** What this task involves **
Gather, from the listing beneath this task, every line holding the string "Triple".

--- Source data Enclosed Below ---

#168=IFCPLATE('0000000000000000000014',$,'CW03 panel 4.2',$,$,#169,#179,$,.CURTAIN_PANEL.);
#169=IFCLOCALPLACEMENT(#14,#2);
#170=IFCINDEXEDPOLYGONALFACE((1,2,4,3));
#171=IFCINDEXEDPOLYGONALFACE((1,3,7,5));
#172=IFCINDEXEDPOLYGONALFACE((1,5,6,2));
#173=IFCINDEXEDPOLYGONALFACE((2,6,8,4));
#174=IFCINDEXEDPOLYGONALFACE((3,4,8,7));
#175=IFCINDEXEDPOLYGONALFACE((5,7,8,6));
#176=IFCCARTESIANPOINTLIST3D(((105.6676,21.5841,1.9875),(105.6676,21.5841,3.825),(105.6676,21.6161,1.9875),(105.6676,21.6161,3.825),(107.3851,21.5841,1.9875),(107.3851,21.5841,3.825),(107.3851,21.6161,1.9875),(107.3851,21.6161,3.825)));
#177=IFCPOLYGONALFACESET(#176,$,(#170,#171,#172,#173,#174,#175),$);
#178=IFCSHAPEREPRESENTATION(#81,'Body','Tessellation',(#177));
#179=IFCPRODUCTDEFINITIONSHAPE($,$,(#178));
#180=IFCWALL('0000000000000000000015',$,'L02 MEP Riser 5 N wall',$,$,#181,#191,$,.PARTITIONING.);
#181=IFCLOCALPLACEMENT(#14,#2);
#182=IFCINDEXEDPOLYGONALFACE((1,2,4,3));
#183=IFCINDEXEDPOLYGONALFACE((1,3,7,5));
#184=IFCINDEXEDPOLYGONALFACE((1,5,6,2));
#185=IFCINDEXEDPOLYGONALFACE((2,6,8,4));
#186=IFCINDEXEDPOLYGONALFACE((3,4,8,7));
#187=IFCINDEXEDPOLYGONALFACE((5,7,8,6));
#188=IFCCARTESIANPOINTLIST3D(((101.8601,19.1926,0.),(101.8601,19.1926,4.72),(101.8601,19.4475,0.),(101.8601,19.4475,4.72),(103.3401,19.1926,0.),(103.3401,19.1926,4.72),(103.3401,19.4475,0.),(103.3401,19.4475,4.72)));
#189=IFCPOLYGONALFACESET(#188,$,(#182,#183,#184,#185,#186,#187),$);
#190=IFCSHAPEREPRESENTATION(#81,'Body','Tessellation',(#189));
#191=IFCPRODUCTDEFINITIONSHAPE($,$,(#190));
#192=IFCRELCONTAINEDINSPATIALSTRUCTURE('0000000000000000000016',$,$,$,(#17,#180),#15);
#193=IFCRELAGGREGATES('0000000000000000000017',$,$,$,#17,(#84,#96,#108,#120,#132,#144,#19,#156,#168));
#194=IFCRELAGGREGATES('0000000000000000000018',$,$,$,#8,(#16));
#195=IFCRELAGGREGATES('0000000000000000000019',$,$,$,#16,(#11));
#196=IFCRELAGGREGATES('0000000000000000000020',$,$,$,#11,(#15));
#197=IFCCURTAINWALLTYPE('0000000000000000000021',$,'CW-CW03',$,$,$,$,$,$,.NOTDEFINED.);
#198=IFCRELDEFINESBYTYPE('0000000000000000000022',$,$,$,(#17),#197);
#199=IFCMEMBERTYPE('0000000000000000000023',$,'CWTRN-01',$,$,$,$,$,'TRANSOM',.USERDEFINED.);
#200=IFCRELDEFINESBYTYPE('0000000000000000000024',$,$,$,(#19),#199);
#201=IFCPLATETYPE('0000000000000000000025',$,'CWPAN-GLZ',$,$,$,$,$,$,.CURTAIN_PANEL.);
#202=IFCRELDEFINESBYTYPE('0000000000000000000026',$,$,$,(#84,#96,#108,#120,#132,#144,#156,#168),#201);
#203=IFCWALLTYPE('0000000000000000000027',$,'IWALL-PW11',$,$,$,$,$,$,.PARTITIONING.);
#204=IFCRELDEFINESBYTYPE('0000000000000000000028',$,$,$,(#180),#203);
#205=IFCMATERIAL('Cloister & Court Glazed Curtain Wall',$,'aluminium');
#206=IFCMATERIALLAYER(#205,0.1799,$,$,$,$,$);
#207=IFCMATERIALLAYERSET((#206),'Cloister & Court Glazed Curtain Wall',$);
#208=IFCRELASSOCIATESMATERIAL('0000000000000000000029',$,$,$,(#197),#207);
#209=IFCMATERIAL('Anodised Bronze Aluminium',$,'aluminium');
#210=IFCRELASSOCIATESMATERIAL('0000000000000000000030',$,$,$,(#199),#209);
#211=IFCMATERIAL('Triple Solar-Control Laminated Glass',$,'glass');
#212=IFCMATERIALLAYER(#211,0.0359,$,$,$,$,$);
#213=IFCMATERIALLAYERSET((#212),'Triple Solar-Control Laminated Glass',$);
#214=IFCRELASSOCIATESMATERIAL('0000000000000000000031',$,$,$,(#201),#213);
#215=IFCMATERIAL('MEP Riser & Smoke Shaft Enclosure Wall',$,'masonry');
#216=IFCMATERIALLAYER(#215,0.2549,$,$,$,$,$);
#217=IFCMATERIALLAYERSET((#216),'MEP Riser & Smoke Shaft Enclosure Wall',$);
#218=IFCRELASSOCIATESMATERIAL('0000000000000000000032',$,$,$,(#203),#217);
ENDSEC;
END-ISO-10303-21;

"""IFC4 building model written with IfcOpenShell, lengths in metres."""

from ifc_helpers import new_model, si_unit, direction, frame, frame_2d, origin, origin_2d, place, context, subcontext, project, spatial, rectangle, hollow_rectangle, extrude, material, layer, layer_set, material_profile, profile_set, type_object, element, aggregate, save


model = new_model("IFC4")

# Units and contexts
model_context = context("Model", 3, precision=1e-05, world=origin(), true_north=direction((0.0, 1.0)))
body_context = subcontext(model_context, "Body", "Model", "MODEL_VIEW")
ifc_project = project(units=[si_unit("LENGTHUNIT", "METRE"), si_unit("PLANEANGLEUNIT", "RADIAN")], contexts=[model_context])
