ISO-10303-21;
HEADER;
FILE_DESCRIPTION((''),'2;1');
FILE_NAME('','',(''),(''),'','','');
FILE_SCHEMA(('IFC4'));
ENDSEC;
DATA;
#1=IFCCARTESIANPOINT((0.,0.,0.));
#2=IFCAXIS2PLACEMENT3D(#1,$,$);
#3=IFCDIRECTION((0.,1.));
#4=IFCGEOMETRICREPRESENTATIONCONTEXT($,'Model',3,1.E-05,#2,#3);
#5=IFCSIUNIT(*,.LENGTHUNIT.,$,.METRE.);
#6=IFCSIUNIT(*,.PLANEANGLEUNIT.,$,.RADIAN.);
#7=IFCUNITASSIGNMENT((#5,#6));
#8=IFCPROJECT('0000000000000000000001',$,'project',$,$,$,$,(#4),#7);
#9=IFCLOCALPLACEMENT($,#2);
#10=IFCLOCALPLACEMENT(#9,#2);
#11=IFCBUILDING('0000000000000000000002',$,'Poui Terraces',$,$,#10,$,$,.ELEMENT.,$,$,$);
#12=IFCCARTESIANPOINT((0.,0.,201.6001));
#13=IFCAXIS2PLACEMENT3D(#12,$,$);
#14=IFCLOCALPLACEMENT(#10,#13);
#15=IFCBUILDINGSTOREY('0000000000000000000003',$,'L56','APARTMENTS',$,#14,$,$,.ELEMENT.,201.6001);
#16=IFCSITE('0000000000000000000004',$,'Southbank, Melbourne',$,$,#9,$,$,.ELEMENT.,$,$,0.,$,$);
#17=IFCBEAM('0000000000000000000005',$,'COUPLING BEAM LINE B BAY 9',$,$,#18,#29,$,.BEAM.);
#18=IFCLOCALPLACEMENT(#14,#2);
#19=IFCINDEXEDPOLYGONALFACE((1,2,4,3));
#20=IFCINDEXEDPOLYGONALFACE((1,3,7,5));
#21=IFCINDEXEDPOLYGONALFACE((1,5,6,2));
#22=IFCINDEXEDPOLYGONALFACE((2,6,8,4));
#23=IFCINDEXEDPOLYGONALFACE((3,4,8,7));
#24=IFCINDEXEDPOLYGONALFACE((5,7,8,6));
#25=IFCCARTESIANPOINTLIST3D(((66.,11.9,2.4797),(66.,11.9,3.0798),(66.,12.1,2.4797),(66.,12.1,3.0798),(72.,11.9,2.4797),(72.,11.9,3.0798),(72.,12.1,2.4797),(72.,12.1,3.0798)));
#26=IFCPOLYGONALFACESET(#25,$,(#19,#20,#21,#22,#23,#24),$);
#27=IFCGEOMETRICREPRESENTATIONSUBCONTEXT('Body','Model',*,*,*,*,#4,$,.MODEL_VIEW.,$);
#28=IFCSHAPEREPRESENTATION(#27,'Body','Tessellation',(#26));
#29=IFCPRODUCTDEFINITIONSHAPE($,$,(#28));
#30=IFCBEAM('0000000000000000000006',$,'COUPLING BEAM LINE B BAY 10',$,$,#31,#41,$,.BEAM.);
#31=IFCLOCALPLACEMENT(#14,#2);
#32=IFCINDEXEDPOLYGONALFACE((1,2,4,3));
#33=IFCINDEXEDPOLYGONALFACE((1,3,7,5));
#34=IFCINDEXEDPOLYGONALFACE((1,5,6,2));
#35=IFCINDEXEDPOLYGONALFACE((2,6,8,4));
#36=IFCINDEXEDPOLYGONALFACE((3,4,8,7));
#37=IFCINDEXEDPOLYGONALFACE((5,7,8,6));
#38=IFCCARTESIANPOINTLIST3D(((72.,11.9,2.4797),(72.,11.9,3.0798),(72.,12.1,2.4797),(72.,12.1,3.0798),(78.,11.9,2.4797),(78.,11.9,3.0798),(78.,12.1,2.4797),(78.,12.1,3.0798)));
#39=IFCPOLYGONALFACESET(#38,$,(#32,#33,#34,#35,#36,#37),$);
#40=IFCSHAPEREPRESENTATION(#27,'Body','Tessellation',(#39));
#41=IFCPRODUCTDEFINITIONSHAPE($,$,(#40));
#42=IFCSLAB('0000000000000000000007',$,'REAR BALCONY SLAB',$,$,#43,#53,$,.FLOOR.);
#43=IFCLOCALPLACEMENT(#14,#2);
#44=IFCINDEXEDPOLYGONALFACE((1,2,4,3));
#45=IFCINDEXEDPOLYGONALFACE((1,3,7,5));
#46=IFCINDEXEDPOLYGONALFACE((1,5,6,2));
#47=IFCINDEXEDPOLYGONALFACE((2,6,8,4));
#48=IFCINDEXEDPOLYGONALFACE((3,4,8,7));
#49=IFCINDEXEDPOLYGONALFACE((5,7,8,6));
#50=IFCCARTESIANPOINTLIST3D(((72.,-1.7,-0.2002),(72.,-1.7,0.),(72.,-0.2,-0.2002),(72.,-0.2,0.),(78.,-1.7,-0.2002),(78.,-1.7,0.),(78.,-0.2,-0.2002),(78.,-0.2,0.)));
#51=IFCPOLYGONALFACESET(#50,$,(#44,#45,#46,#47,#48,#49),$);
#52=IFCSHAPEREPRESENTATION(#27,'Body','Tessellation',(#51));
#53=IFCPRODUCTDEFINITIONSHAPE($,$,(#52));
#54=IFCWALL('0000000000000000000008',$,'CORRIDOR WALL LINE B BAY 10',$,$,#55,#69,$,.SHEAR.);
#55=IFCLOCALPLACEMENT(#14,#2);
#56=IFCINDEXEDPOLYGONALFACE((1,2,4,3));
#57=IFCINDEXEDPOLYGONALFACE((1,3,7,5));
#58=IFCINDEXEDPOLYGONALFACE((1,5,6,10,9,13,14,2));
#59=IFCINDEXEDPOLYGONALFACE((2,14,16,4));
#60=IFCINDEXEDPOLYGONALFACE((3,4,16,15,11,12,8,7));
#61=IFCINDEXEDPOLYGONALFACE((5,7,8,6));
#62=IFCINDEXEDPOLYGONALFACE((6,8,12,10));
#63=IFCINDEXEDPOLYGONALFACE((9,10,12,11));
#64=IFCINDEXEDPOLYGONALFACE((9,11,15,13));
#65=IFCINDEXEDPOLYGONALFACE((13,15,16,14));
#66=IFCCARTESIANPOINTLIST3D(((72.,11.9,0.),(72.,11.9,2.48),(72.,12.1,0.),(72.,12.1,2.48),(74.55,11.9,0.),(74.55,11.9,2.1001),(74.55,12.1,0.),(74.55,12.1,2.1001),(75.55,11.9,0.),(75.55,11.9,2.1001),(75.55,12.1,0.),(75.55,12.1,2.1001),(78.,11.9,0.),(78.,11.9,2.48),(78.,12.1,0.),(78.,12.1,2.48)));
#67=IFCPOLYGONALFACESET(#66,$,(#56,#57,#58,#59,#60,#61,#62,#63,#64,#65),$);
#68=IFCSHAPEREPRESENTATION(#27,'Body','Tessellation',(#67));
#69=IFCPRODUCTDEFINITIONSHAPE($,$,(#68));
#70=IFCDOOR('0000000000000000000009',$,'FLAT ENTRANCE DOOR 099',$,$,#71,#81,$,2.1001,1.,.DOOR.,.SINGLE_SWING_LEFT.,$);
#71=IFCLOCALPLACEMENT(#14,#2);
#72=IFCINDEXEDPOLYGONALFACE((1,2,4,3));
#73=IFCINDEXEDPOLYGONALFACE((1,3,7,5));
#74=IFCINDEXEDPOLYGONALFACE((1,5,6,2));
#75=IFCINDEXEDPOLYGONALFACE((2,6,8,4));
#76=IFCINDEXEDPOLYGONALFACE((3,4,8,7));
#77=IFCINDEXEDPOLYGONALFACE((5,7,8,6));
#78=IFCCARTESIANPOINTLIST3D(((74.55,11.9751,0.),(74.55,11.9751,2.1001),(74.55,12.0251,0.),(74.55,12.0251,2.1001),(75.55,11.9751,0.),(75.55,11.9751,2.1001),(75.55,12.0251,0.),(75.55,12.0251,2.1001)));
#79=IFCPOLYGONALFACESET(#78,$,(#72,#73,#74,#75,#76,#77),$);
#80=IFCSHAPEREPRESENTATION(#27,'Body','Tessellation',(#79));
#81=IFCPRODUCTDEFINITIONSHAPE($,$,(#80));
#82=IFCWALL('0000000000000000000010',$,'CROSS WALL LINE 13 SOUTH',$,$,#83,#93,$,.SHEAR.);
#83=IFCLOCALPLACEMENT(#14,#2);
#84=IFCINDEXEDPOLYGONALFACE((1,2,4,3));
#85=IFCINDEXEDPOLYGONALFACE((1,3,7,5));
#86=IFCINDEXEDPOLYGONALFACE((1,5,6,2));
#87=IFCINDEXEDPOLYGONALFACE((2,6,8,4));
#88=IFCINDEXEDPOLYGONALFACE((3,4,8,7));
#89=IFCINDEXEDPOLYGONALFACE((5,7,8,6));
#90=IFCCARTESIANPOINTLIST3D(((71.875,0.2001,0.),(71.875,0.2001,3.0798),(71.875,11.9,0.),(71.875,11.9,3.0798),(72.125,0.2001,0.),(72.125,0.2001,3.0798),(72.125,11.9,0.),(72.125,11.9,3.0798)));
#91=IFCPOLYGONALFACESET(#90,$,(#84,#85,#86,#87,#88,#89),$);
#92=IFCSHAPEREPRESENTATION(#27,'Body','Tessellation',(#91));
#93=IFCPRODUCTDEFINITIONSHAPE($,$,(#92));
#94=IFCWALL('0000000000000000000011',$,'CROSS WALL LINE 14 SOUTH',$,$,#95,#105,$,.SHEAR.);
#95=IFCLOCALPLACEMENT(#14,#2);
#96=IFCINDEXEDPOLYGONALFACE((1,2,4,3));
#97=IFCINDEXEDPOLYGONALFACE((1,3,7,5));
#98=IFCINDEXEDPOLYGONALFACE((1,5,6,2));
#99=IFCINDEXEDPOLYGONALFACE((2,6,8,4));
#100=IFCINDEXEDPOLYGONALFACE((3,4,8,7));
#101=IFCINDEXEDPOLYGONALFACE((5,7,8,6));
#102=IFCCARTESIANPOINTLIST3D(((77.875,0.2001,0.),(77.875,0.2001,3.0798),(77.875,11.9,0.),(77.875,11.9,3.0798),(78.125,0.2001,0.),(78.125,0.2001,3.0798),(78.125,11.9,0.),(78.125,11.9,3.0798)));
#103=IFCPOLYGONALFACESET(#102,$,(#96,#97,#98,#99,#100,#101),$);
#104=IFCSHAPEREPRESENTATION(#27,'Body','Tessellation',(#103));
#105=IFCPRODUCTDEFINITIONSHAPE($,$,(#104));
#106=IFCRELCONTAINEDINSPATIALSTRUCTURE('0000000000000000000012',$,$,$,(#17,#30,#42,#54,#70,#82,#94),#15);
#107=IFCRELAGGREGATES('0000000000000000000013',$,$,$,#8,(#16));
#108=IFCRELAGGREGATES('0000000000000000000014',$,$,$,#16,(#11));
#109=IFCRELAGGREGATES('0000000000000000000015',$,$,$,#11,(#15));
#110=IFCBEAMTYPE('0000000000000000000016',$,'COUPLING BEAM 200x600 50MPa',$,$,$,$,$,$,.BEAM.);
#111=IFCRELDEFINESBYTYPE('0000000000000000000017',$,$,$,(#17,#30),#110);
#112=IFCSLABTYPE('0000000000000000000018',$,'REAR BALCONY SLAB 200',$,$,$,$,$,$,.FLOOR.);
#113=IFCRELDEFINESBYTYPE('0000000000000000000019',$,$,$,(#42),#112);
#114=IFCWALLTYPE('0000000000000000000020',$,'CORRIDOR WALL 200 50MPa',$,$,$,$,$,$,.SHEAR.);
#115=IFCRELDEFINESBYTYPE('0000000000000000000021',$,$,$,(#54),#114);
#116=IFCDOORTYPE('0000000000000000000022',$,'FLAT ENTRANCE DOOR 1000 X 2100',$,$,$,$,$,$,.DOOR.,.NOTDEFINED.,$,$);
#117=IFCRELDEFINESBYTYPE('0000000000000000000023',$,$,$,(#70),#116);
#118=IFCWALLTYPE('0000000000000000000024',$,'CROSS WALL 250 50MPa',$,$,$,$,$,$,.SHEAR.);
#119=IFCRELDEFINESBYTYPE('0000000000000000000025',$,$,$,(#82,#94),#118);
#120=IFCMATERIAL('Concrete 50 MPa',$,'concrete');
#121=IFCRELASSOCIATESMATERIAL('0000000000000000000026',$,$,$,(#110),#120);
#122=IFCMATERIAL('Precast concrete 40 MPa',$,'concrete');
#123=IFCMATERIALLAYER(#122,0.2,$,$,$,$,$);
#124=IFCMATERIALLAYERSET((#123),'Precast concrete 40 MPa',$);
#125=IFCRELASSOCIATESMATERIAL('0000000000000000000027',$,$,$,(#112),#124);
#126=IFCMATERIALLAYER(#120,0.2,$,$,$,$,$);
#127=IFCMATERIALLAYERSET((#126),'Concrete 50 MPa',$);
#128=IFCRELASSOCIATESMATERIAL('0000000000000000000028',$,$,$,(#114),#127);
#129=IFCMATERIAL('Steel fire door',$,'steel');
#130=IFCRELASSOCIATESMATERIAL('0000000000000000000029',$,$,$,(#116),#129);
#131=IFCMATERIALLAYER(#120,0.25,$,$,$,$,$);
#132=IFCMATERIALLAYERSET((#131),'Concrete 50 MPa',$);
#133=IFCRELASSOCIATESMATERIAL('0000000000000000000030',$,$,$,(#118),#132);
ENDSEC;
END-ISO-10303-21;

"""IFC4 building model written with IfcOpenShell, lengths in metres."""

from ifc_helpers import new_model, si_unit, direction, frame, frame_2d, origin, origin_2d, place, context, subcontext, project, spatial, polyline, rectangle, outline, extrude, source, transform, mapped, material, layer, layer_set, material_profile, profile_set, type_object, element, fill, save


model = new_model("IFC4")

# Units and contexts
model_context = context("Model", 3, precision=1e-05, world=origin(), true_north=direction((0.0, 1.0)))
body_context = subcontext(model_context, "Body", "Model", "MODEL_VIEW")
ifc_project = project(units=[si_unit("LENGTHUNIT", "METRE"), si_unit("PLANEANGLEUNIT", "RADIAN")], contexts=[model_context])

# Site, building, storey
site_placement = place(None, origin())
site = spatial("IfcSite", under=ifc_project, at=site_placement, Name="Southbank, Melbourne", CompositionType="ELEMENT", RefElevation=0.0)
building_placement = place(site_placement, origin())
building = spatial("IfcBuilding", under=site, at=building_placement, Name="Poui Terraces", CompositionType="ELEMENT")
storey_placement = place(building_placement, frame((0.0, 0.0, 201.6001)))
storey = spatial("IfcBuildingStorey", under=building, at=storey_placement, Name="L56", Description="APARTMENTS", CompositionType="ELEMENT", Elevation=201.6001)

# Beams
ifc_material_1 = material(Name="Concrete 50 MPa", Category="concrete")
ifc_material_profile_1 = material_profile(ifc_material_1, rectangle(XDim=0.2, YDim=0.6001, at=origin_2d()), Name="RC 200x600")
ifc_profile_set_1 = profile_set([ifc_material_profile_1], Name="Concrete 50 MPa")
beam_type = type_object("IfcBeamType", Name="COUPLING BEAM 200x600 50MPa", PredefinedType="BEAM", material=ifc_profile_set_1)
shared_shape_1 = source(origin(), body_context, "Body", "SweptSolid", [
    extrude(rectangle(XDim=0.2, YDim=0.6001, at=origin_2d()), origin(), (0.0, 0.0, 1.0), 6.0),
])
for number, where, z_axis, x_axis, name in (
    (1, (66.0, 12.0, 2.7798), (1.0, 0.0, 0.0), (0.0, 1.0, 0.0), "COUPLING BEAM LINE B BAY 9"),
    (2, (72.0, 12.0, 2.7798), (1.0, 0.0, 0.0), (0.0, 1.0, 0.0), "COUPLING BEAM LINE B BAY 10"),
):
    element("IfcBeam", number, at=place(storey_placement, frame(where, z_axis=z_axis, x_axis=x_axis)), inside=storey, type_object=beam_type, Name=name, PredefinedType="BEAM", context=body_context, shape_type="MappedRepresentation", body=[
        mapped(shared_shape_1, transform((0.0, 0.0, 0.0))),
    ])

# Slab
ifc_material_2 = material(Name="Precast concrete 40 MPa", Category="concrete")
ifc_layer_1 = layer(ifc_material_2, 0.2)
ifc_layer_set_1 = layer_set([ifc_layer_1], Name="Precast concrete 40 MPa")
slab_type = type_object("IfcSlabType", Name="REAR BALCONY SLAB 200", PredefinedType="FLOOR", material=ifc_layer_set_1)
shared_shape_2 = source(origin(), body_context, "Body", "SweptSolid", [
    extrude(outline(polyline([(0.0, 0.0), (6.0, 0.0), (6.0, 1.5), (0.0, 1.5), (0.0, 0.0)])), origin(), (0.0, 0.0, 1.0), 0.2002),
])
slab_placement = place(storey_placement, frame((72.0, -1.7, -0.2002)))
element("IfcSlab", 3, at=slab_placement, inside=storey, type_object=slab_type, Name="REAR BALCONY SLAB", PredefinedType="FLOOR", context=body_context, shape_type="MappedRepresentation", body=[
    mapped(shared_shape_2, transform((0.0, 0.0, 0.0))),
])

--- End of Enclosed Source data ---

** Solution **
#211=IFCMATERIAL('Triple Solar-Control Laminated Glass',$,'glass');
#213=IFCMATERIALLAYERSET((#212),'Triple Solar-Control Laminated Glass',$);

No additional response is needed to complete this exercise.